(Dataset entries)
==========
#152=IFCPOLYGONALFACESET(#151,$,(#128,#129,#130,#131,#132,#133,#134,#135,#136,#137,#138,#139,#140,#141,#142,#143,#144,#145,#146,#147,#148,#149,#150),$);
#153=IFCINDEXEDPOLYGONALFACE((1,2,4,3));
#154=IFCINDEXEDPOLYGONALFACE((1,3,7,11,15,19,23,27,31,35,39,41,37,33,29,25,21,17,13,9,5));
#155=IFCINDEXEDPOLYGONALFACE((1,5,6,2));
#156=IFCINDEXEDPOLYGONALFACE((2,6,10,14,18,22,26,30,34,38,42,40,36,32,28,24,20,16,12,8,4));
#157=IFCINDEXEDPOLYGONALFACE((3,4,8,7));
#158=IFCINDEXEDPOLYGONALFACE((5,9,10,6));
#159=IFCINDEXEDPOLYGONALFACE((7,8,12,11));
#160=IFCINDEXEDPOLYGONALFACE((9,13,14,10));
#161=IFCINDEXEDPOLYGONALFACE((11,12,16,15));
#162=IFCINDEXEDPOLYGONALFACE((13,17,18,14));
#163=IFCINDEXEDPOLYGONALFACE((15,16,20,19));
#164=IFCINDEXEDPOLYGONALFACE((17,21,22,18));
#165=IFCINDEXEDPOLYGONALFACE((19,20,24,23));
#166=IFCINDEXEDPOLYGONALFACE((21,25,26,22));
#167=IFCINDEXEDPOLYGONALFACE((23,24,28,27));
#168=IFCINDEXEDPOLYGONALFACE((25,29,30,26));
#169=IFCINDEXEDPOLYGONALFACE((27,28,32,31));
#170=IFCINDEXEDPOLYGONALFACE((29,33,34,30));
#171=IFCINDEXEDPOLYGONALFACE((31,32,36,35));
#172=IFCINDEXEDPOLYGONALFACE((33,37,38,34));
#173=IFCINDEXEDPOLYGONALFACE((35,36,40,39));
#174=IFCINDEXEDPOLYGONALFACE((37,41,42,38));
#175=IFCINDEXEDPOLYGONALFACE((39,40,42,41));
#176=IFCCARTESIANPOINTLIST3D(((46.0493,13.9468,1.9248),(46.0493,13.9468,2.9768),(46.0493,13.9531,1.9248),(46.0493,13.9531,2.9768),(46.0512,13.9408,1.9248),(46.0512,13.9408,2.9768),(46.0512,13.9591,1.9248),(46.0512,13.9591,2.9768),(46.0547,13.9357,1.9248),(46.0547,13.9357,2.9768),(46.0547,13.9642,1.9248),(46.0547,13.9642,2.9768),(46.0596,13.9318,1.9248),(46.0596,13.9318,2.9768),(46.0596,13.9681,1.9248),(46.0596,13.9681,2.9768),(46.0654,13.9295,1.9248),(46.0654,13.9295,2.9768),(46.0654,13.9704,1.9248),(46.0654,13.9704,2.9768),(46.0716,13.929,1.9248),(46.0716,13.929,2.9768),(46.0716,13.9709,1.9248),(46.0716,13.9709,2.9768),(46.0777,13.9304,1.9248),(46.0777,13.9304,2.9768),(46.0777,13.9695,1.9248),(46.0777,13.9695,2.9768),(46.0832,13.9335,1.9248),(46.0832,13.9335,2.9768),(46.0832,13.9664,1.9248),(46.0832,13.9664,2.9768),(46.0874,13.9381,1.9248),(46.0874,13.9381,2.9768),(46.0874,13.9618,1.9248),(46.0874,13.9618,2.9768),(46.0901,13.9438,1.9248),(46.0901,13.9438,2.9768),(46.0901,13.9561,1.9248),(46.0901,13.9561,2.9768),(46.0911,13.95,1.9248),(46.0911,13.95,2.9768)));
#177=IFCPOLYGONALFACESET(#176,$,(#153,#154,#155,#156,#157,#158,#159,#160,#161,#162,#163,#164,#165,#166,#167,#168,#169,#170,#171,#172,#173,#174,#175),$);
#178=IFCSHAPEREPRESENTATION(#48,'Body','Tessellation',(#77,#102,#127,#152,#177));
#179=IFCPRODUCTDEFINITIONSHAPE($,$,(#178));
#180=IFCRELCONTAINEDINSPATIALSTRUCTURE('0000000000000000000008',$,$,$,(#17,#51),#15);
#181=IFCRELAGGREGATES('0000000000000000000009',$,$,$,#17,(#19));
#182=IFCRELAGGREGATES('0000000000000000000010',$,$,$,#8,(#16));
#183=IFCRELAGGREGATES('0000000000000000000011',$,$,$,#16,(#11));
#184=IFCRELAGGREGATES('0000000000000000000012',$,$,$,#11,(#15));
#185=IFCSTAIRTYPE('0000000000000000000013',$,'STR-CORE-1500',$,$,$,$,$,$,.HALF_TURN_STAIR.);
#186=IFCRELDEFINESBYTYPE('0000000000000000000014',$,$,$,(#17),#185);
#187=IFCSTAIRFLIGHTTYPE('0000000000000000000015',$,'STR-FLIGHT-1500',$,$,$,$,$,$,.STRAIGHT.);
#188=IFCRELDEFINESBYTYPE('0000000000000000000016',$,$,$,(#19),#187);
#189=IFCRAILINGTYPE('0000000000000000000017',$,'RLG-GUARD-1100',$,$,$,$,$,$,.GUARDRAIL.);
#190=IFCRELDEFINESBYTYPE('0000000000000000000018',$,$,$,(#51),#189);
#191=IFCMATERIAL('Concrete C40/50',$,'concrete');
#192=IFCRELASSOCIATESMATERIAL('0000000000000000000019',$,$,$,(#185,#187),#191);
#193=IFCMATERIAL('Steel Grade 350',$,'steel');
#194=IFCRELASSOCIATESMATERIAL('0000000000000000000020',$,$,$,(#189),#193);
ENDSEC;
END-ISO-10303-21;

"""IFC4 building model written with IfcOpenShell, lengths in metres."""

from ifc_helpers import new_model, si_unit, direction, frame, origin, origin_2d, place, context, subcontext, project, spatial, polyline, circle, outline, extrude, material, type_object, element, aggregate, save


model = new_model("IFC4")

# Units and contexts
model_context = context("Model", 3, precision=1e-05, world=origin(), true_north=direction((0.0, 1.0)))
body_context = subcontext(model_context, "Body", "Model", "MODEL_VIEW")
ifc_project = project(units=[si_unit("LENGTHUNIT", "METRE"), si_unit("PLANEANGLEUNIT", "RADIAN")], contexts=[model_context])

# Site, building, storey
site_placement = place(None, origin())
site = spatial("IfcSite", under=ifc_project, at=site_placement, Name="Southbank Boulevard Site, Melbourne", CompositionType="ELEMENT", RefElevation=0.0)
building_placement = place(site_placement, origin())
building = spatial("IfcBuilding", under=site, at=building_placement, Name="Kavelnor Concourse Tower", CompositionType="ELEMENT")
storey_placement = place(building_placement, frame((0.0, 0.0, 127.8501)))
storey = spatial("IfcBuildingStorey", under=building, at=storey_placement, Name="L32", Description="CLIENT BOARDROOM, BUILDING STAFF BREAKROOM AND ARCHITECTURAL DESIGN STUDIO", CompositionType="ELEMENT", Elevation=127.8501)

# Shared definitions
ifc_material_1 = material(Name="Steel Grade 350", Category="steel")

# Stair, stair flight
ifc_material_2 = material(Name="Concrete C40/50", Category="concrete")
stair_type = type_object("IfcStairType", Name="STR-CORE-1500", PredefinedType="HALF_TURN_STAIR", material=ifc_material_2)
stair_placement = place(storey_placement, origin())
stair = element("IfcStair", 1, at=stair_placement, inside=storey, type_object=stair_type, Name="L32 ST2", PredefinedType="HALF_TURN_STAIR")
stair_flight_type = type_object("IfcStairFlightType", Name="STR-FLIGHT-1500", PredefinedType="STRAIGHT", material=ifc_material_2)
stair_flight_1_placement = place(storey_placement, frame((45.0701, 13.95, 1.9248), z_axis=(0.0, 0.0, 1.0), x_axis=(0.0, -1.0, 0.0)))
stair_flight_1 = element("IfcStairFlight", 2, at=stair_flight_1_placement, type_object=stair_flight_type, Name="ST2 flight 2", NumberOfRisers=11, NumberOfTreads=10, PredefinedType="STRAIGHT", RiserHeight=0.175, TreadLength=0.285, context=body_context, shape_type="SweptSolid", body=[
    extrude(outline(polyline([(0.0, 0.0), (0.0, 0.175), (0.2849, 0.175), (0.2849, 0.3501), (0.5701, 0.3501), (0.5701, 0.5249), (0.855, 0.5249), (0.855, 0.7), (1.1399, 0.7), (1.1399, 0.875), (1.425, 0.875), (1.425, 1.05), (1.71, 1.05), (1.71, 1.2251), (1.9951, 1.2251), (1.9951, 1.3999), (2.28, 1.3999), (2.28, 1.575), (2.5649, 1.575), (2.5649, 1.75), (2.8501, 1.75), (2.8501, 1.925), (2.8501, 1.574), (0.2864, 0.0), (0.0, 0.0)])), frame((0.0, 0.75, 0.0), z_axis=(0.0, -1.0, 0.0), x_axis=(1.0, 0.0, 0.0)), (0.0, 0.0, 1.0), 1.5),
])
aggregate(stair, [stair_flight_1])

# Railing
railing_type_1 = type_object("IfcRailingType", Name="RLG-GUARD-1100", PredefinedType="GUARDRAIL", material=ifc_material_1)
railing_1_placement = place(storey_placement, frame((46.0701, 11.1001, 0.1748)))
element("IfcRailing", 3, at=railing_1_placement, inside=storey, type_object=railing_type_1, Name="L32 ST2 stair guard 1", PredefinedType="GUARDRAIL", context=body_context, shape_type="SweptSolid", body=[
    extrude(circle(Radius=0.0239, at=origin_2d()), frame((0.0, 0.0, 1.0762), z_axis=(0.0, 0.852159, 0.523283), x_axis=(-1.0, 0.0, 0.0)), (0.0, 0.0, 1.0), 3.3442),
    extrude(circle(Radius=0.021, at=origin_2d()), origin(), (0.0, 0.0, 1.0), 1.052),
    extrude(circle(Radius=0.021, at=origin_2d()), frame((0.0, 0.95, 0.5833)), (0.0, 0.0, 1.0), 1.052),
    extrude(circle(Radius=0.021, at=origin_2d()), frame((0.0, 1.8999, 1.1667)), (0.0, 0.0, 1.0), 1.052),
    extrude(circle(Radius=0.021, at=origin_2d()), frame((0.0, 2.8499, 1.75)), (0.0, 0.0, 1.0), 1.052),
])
==========
Work request:
Copy out only the lines above from the one with "#155=IFCINDEXEDPOLYGONALFACE((1,5,6,2));" to the one with "#175=IFCINDEXEDPOLYGONALFACE((39,40,42,41));", inclusive, exactly as they stand.

Finished task:
#155=IFCINDEXEDPOLYGONALFACE((1,5,6,2));
#156=IFCINDEXEDPOLYGONALFACE((2,6,10,14,18,22,26,30,34,38,42,40,36,32,28,24,20,16,12,8,4));
#157=IFCINDEXEDPOLYGONALFACE((3,4,8,7));
#158=IFCINDEXEDPOLYGONALFACE((5,9,10,6));
#159=IFCINDEXEDPOLYGONALFACE((7,8,12,11));
#160=IFCINDEXEDPOLYGONALFACE((9,13,14,10));
#161=IFCINDEXEDPOLYGONALFACE((11,12,16,15));
#162=IFCINDEXEDPOLYGONALFACE((13,17,18,14));
#163=IFCINDEXEDPOLYGONALFACE((15,16,20,19));
#164=IFCINDEXEDPOLYGONALFACE((17,21,22,18));
#165=IFCINDEXEDPOLYGONALFACE((19,20,24,23));
#166=IFCINDEXEDPOLYGONALFACE((21,25,26,22));
#167=IFCINDEXEDPOLYGONALFACE((23,24,28,27));
#168=IFCINDEXEDPOLYGONALFACE((25,29,30,26));
#169=IFCINDEXEDPOLYGONALFACE((27,28,32,31));
#170=IFCINDEXEDPOLYGONALFACE((29,33,34,30));
#171=IFCINDEXEDPOLYGONALFACE((31,32,36,35));
#172=IFCINDEXEDPOLYGONALFACE((33,37,38,34));
#173=IFCINDEXEDPOLYGONALFACE((35,36,40,39));
#174=IFCINDEXEDPOLYGONALFACE((37,41,42,38));
#175=IFCINDEXEDPOLYGONALFACE((39,40,42,41));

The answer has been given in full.